Beginning with the first entry, set down each one exactly as shown.

DATA SHOWN =
________________________

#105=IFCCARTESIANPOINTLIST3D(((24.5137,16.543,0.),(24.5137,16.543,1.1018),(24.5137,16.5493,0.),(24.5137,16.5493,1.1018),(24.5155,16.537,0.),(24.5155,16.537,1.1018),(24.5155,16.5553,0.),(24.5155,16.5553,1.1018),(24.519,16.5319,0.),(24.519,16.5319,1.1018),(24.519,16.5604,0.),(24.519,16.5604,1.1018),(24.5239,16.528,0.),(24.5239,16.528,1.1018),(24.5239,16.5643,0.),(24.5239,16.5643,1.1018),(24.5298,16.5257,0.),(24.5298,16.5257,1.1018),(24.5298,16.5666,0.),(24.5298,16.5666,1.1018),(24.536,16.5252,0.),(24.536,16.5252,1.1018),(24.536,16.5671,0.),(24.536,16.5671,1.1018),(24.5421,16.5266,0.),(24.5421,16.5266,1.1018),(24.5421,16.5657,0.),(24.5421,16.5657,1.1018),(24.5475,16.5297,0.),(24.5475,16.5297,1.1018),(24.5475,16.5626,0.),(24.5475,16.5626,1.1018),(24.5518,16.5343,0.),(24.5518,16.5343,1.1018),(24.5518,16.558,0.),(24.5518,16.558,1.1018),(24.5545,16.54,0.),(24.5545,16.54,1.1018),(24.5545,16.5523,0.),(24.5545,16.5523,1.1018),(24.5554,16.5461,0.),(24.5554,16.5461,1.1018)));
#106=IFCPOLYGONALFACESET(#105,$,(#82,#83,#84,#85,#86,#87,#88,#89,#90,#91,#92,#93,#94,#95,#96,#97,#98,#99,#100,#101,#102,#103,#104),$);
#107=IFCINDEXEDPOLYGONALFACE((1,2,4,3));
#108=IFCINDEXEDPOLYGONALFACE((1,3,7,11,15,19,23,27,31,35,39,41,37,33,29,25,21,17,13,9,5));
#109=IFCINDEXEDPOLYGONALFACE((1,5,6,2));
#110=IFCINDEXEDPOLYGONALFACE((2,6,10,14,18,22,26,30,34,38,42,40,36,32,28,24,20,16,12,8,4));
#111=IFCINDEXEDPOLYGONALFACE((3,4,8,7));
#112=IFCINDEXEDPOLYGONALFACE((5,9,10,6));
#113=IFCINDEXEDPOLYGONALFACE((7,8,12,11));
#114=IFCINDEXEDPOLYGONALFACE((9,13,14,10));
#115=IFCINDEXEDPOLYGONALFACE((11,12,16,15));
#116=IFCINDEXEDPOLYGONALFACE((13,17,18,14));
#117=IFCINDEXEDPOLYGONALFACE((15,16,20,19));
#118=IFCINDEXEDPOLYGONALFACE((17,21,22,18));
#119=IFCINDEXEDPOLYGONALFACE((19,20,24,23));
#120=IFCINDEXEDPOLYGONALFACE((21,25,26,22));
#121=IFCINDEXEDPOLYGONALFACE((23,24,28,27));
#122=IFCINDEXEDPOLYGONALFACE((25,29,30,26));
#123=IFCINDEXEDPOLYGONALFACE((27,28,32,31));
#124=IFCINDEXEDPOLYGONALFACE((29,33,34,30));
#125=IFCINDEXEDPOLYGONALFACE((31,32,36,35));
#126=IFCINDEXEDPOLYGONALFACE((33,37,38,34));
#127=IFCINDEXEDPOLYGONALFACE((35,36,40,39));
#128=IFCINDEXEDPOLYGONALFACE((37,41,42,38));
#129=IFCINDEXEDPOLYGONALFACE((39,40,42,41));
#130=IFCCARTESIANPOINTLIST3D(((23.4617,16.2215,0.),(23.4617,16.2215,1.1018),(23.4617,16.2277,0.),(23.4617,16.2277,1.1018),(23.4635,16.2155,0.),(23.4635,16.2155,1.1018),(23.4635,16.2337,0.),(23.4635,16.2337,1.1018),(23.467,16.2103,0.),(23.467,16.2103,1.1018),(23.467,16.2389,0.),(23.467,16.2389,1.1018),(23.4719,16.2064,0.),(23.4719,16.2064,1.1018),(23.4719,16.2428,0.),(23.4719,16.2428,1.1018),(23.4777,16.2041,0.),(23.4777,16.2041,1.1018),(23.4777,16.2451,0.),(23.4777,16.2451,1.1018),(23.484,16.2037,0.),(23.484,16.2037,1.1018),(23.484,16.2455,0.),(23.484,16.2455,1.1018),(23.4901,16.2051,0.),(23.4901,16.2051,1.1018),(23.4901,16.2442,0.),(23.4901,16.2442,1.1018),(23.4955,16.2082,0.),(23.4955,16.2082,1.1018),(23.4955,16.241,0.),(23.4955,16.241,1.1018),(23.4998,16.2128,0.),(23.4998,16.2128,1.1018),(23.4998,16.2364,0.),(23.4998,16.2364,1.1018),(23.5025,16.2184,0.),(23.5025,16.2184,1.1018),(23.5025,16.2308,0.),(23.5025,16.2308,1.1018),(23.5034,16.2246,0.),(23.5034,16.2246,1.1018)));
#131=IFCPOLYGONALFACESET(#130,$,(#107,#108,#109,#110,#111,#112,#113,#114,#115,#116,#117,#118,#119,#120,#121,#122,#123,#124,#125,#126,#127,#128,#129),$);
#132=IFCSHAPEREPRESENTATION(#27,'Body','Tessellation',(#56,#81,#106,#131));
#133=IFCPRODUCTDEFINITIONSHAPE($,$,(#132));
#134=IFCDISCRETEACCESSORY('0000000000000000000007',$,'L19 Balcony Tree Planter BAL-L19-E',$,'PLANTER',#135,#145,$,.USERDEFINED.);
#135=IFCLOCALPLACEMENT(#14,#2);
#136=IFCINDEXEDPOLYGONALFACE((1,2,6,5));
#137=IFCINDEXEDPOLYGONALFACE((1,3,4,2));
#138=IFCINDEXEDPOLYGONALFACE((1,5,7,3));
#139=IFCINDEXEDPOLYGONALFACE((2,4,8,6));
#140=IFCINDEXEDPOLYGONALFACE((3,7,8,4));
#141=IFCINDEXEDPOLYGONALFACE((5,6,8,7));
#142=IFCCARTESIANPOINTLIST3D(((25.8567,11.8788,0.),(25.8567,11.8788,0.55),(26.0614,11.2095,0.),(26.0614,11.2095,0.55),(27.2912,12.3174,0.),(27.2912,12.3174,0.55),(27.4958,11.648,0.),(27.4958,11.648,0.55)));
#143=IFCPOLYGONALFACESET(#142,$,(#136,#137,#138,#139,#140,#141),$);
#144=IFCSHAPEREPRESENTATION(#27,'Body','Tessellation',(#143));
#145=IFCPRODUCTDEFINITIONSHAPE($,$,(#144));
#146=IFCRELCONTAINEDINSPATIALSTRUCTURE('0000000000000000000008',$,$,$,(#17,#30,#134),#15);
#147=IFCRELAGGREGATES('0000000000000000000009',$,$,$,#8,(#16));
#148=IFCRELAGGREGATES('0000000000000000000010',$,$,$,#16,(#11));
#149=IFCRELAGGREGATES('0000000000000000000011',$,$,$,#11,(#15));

________________________

RESPONSE AREA =
#105=IFCCARTESIANPOINTLIST3D(((24.5137,16.543,0.),(24.5137,16.543,1.1018),(24.5137,16.5493,0.),(24.5137,16.5493,1.1018),(24.5155,16.537,0.),(24.5155,16.537,1.1018),(24.5155,16.5553,0.),(24.5155,16.5553,1.1018),(24.519,16.5319,0.),(24.519,16.5319,1.1018),(24.519,16.5604,0.),(24.519,16.5604,1.1018),(24.5239,16.528,0.),(24.5239,16.528,1.1018),(24.5239,16.5643,0.),(24.5239,16.5643,1.1018),(24.5298,16.5257,0.),(24.5298,16.5257,1.1018),(24.5298,16.5666,0.),(24.5298,16.5666,1.1018),(24.536,16.5252,0.),(24.536,16.5252,1.1018),(24.536,16.5671,0.),(24.536,16.5671,1.1018),(24.5421,16.5266,0.),(24.5421,16.5266,1.1018),(24.5421,16.5657,0.),(24.5421,16.5657,1.1018),(24.5475,16.5297,0.),(24.5475,16.5297,1.1018),(24.5475,16.5626,0.),(24.5475,16.5626,1.1018),(24.5518,16.5343,0.),(24.5518,16.5343,1.1018),(24.5518,16.558,0.),(24.5518,16.558,1.1018),(24.5545,16.54,0.),(24.5545,16.54,1.1018),(24.5545,16.5523,0.),(24.5545,16.5523,1.1018),(24.5554,16.5461,0.),(24.5554,16.5461,1.1018)));
#106=IFCPOLYGONALFACESET(#105,$,(#82,#83,#84,#85,#86,#87,#88,#89,#90,#91,#92,#93,#94,#95,#96,#97,#98,#99,#100,#101,#102,#103,#104),$);
#107=IFCINDEXEDPOLYGONALFACE((1,2,4,3));
#108=IFCINDEXEDPOLYGONALFACE((1,3,7,11,15,19,23,27,31,35,39,41,37,33,29,25,21,17,13,9,5));
#109=IFCINDEXEDPOLYGONALFACE((1,5,6,2));
#110=IFCINDEXEDPOLYGONALFACE((2,6,10,14,18,22,26,30,34,38,42,40,36,32,28,24,20,16,12,8,4));
#111=IFCINDEXEDPOLYGONALFACE((3,4,8,7));
#112=IFCINDEXEDPOLYGONALFACE((5,9,10,6));
#113=IFCINDEXEDPOLYGONALFACE((7,8,12,11));
#114=IFCINDEXEDPOLYGONALFACE((9,13,14,10));
#115=IFCINDEXEDPOLYGONALFACE((11,12,16,15));
#116=IFCINDEXEDPOLYGONALFACE((13,17,18,14));
#117=IFCINDEXEDPOLYGONALFACE((15,16,20,19));
#118=IFCINDEXEDPOLYGONALFACE((17,21,22,18));
#119=IFCINDEXEDPOLYGONALFACE((19,20,24,23));
#120=IFCINDEXEDPOLYGONALFACE((21,25,26,22));
#121=IFCINDEXEDPOLYGONALFACE((23,24,28,27));
#122=IFCINDEXEDPOLYGONALFACE((25,29,30,26));
#123=IFCINDEXEDPOLYGONALFACE((27,28,32,31));
#124=IFCINDEXEDPOLYGONALFACE((29,33,34,30));
#125=IFCINDEXEDPOLYGONALFACE((31,32,36,35));
#126=IFCINDEXEDPOLYGONALFACE((33,37,38,34));
#127=IFCINDEXEDPOLYGONALFACE((35,36,40,39));
#128=IFCINDEXEDPOLYGONALFACE((37,41,42,38));
#129=IFCINDEXEDPOLYGONALFACE((39,40,42,41));
#130=IFCCARTESIANPOINTLIST3D(((23.4617,16.2215,0.),(23.4617,16.2215,1.1018),(23.4617,16.2277,0.),(23.4617,16.2277,1.1018),(23.4635,16.2155,0.),(23.4635,16.2155,1.1018),(23.4635,16.2337,0.),(23.4635,16.2337,1.1018),(23.467,16.2103,0.),(23.467,16.2103,1.1018),(23.467,16.2389,0.),(23.467,16.2389,1.1018),(23.4719,16.2064,0.),(23.4719,16.2064,1.1018),(23.4719,16.2428,0.),(23.4719,16.2428,1.1018),(23.4777,16.2041,0.),(23.4777,16.2041,1.1018),(23.4777,16.2451,0.),(23.4777,16.2451,1.1018),(23.484,16.2037,0.),(23.484,16.2037,1.1018),(23.484,16.2455,0.),(23.484,16.2455,1.1018),(23.4901,16.2051,0.),(23.4901,16.2051,1.1018),(23.4901,16.2442,0.),(23.4901,16.2442,1.1018),(23.4955,16.2082,0.),(23.4955,16.2082,1.1018),(23.4955,16.241,0.),(23.4955,16.241,1.1018),(23.4998,16.2128,0.),(23.4998,16.2128,1.1018),(23.4998,16.2364,0.),(23.4998,16.2364,1.1018),(23.5025,16.2184,0.),(23.5025,16.2184,1.1018),(23.5025,16.2308,0.),(23.5025,16.2308,1.1018),(23.5034,16.2246,0.),(23.5034,16.2246,1.1018)));
#131=IFCPOLYGONALFACESET(#130,$,(#107,#108,#109,#110,#111,#112,#113,#114,#115,#116,#117,#118,#119,#120,#121,#122,#123,#124,#125,#126,#127,#128,#129),$);
#132=IFCSHAPEREPRESENTATION(#27,'Body','Tessellation',(#56,#81,#106,#131));
#133=IFCPRODUCTDEFINITIONSHAPE($,$,(#132));
#134=IFCDISCRETEACCESSORY('0000000000000000000007',$,'L19 Balcony Tree Planter BAL-L19-E',$,'PLANTER',#135,#145,$,.USERDEFINED.);
#135=IFCLOCALPLACEMENT(#14,#2);
#136=IFCINDEXEDPOLYGONALFACE((1,2,6,5));
#137=IFCINDEXEDPOLYGONALFACE((1,3,4,2));
#138=IFCINDEXEDPOLYGONALFACE((1,5,7,3));
#139=IFCINDEXEDPOLYGONALFACE((2,4,8,6));
#140=IFCINDEXEDPOLYGONALFACE((3,7,8,4));
#141=IFCINDEXEDPOLYGONALFACE((5,6,8,7));
#142=IFCCARTESIANPOINTLIST3D(((25.8567,11.8788,0.),(25.8567,11.8788,0.55),(26.0614,11.2095,0.),(26.0614,11.2095,0.55),(27.2912,12.3174,0.),(27.2912,12.3174,0.55),(27.4958,11.648,0.),(27.4958,11.648,0.55)));
#143=IFCPOLYGONALFACESET(#142,$,(#136,#137,#138,#139,#140,#141),$);
#144=IFCSHAPEREPRESENTATION(#27,'Body','Tessellation',(#143));
#145=IFCPRODUCTDEFINITIONSHAPE($,$,(#144));
#146=IFCRELCONTAINEDINSPATIALSTRUCTURE('0000000000000000000008',$,$,$,(#17,#30,#134),#15);
#147=IFCRELAGGREGATES('0000000000000000000009',$,$,$,#8,(#16));
#148=IFCRELAGGREGATES('0000000000000000000010',$,$,$,#16,(#11));
#149=IFCRELAGGREGATES('0000000000000000000011',$,$,$,#11,(#15));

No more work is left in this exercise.